───── Data to use ─────
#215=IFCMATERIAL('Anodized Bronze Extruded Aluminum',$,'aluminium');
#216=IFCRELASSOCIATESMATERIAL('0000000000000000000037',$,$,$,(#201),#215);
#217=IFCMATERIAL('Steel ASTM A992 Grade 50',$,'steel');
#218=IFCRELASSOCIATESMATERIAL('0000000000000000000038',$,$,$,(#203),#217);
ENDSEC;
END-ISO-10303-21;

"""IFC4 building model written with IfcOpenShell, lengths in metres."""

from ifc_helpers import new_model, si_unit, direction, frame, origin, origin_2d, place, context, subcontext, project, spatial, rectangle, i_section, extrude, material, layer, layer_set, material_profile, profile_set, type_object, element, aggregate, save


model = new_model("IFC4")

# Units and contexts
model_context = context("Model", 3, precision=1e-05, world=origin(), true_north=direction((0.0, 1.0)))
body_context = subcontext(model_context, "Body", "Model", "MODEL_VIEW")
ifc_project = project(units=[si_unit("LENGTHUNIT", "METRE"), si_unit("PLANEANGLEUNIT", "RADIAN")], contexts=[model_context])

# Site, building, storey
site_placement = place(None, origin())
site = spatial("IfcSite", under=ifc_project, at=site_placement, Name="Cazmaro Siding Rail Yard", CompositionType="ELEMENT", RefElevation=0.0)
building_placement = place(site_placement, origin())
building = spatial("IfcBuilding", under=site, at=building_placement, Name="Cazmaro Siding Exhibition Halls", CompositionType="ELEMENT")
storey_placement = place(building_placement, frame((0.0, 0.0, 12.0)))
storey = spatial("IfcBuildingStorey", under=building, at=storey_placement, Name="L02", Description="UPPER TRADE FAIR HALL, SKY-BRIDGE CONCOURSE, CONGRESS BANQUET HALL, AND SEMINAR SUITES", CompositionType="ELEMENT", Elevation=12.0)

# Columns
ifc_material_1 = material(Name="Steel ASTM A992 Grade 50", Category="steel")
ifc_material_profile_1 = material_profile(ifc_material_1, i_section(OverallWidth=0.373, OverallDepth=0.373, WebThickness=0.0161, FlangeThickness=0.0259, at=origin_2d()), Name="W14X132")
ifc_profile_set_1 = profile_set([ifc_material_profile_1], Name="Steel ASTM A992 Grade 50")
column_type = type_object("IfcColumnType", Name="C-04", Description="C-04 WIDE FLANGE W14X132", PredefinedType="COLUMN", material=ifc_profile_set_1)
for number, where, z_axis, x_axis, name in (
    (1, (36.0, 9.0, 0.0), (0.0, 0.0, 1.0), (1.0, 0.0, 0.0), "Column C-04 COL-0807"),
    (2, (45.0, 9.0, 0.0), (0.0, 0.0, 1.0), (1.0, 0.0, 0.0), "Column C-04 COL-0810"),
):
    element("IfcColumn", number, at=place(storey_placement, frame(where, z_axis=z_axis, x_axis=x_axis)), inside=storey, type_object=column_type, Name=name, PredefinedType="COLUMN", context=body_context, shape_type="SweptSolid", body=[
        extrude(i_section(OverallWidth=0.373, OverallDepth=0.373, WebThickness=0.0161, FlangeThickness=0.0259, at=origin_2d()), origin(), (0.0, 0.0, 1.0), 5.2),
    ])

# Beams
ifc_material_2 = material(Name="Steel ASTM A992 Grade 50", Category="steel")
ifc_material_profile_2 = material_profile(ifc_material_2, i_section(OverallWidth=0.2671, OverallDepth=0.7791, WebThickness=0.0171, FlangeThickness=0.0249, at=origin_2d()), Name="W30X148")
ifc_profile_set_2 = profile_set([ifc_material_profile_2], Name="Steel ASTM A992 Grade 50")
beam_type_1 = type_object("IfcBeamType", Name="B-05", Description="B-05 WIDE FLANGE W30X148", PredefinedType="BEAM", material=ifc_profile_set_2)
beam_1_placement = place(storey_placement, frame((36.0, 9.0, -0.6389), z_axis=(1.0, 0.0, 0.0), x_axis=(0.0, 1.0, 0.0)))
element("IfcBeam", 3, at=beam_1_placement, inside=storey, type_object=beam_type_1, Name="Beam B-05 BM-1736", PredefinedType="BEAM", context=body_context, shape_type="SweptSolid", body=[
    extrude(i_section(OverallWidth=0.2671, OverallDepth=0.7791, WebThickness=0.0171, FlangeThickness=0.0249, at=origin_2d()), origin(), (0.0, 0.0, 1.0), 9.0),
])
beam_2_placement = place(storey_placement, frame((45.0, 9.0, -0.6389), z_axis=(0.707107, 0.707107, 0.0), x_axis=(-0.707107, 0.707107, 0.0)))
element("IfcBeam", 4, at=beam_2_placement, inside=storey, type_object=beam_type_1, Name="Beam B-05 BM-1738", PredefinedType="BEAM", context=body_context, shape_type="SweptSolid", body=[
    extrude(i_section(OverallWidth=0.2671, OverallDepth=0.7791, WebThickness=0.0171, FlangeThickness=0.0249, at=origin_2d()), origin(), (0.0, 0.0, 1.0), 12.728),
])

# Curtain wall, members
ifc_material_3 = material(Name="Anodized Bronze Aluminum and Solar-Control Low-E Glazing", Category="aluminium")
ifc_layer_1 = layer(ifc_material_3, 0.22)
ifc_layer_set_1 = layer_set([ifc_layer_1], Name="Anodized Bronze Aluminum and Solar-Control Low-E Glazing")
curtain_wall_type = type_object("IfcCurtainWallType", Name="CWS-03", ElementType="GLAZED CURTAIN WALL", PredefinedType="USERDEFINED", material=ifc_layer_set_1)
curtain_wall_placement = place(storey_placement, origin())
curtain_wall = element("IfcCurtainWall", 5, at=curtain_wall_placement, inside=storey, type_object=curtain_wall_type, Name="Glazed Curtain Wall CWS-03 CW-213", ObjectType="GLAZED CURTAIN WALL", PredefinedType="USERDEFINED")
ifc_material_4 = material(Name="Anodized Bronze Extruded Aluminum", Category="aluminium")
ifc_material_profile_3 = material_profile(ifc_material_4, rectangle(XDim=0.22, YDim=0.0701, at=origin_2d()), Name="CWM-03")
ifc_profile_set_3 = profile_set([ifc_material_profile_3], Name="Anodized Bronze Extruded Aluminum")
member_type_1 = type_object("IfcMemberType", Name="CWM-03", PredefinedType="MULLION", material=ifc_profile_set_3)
─────
* Required action *
What is needed is an exact copy of every record above.

* Task solution *
#215=IFCMATERIAL('Anodized Bronze Extruded Aluminum',$,'aluminium');
#216=IFCRELASSOCIATESMATERIAL('0000000000000000000037',$,$,$,(#201),#215);
#217=IFCMATERIAL('Steel ASTM A992 Grade 50',$,'steel');
#218=IFCRELASSOCIATESMATERIAL('0000000000000000000038',$,$,$,(#203),#217);
ENDSEC;
END-ISO-10303-21;

"""IFC4 building model written with IfcOpenShell, lengths in metres."""

from ifc_helpers import new_model, si_unit, direction, frame, origin, origin_2d, place, context, subcontext, project, spatial, rectangle, i_section, extrude, material, layer, layer_set, material_profile, profile_set, type_object, element, aggregate, save


model = new_model("IFC4")

# Units and contexts
model_context = context("Model", 3, precision=1e-05, world=origin(), true_north=direction((0.0, 1.0)))
body_context = subcontext(model_context, "Body", "Model", "MODEL_VIEW")
ifc_project = project(units=[si_unit("LENGTHUNIT", "METRE"), si_unit("PLANEANGLEUNIT", "RADIAN")], contexts=[model_context])

# Site, building, storey
site_placement = place(None, origin())
site = spatial("IfcSite", under=ifc_project, at=site_placement, Name="Cazmaro Siding Rail Yard", CompositionType="ELEMENT", RefElevation=0.0)
building_placement = place(site_placement, origin())
building = spatial("IfcBuilding", under=site, at=building_placement, Name="Cazmaro Siding Exhibition Halls", CompositionType="ELEMENT")
storey_placement = place(building_placement, frame((0.0, 0.0, 12.0)))
storey = spatial("IfcBuildingStorey", under=building, at=storey_placement, Name="L02", Description="UPPER TRADE FAIR HALL, SKY-BRIDGE CONCOURSE, CONGRESS BANQUET HALL, AND SEMINAR SUITES", CompositionType="ELEMENT", Elevation=12.0)

# Columns
ifc_material_1 = material(Name="Steel ASTM A992 Grade 50", Category="steel")
ifc_material_profile_1 = material_profile(ifc_material_1, i_section(OverallWidth=0.373, OverallDepth=0.373, WebThickness=0.0161, FlangeThickness=0.0259, at=origin_2d()), Name="W14X132")
ifc_profile_set_1 = profile_set([ifc_material_profile_1], Name="Steel ASTM A992 Grade 50")
column_type = type_object("IfcColumnType", Name="C-04", Description="C-04 WIDE FLANGE W14X132", PredefinedType="COLUMN", material=ifc_profile_set_1)
for number, where, z_axis, x_axis, name in (
    (1, (36.0, 9.0, 0.0), (0.0, 0.0, 1.0), (1.0, 0.0, 0.0), "Column C-04 COL-0807"),
    (2, (45.0, 9.0, 0.0), (0.0, 0.0, 1.0), (1.0, 0.0, 0.0), "Column C-04 COL-0810"),
):
    element("IfcColumn", number, at=place(storey_placement, frame(where, z_axis=z_axis, x_axis=x_axis)), inside=storey, type_object=column_type, Name=name, PredefinedType="COLUMN", context=body_context, shape_type="SweptSolid", body=[
        extrude(i_section(OverallWidth=0.373, OverallDepth=0.373, WebThickness=0.0161, FlangeThickness=0.0259, at=origin_2d()), origin(), (0.0, 0.0, 1.0), 5.2),
    ])

# Beams
ifc_material_2 = material(Name="Steel ASTM A992 Grade 50", Category="steel")
ifc_material_profile_2 = material_profile(ifc_material_2, i_section(OverallWidth=0.2671, OverallDepth=0.7791, WebThickness=0.0171, FlangeThickness=0.0249, at=origin_2d()), Name="W30X148")
ifc_profile_set_2 = profile_set([ifc_material_profile_2], Name="Steel ASTM A992 Grade 50")
beam_type_1 = type_object("IfcBeamType", Name="B-05", Description="B-05 WIDE FLANGE W30X148", PredefinedType="BEAM", material=ifc_profile_set_2)
beam_1_placement = place(storey_placement, frame((36.0, 9.0, -0.6389), z_axis=(1.0, 0.0, 0.0), x_axis=(0.0, 1.0, 0.0)))
element("IfcBeam", 3, at=beam_1_placement, inside=storey, type_object=beam_type_1, Name="Beam B-05 BM-1736", PredefinedType="BEAM", context=body_context, shape_type="SweptSolid", body=[
    extrude(i_section(OverallWidth=0.2671, OverallDepth=0.7791, WebThickness=0.0171, FlangeThickness=0.0249, at=origin_2d()), origin(), (0.0, 0.0, 1.0), 9.0),
])
beam_2_placement = place(storey_placement, frame((45.0, 9.0, -0.6389), z_axis=(0.707107, 0.707107, 0.0), x_axis=(-0.707107, 0.707107, 0.0)))
element("IfcBeam", 4, at=beam_2_placement, inside=storey, type_object=beam_type_1, Name="Beam B-05 BM-1738", PredefinedType="BEAM", context=body_context, shape_type="SweptSolid", body=[
    extrude(i_section(OverallWidth=0.2671, OverallDepth=0.7791, WebThickness=0.0171, FlangeThickness=0.0249, at=origin_2d()), origin(), (0.0, 0.0, 1.0), 12.728),
])

# Curtain wall, members
ifc_material_3 = material(Name="Anodized Bronze Aluminum and Solar-Control Low-E Glazing", Category="aluminium")
ifc_layer_1 = layer(ifc_material_3, 0.22)
ifc_layer_set_1 = layer_set([ifc_layer_1], Name="Anodized Bronze Aluminum and Solar-Control Low-E Glazing")
curtain_wall_type = type_object("IfcCurtainWallType", Name="CWS-03", ElementType="GLAZED CURTAIN WALL", PredefinedType="USERDEFINED", material=ifc_layer_set_1)
curtain_wall_placement = place(storey_placement, origin())
curtain_wall = element("IfcCurtainWall", 5, at=curtain_wall_placement, inside=storey, type_object=curtain_wall_type, Name="Glazed Curtain Wall CWS-03 CW-213", ObjectType="GLAZED CURTAIN WALL", PredefinedType="USERDEFINED")
ifc_material_4 = material(Name="Anodized Bronze Extruded Aluminum", Category="aluminium")
ifc_material_profile_3 = material_profile(ifc_material_4, rectangle(XDim=0.22, YDim=0.0701, at=origin_2d()), Name="CWM-03")
ifc_profile_set_3 = profile_set([ifc_material_profile_3], Name="Anodized Bronze Extruded Aluminum")
member_type_1 = type_object("IfcMemberType", Name="CWM-03", PredefinedType="MULLION", material=ifc_profile_set_3)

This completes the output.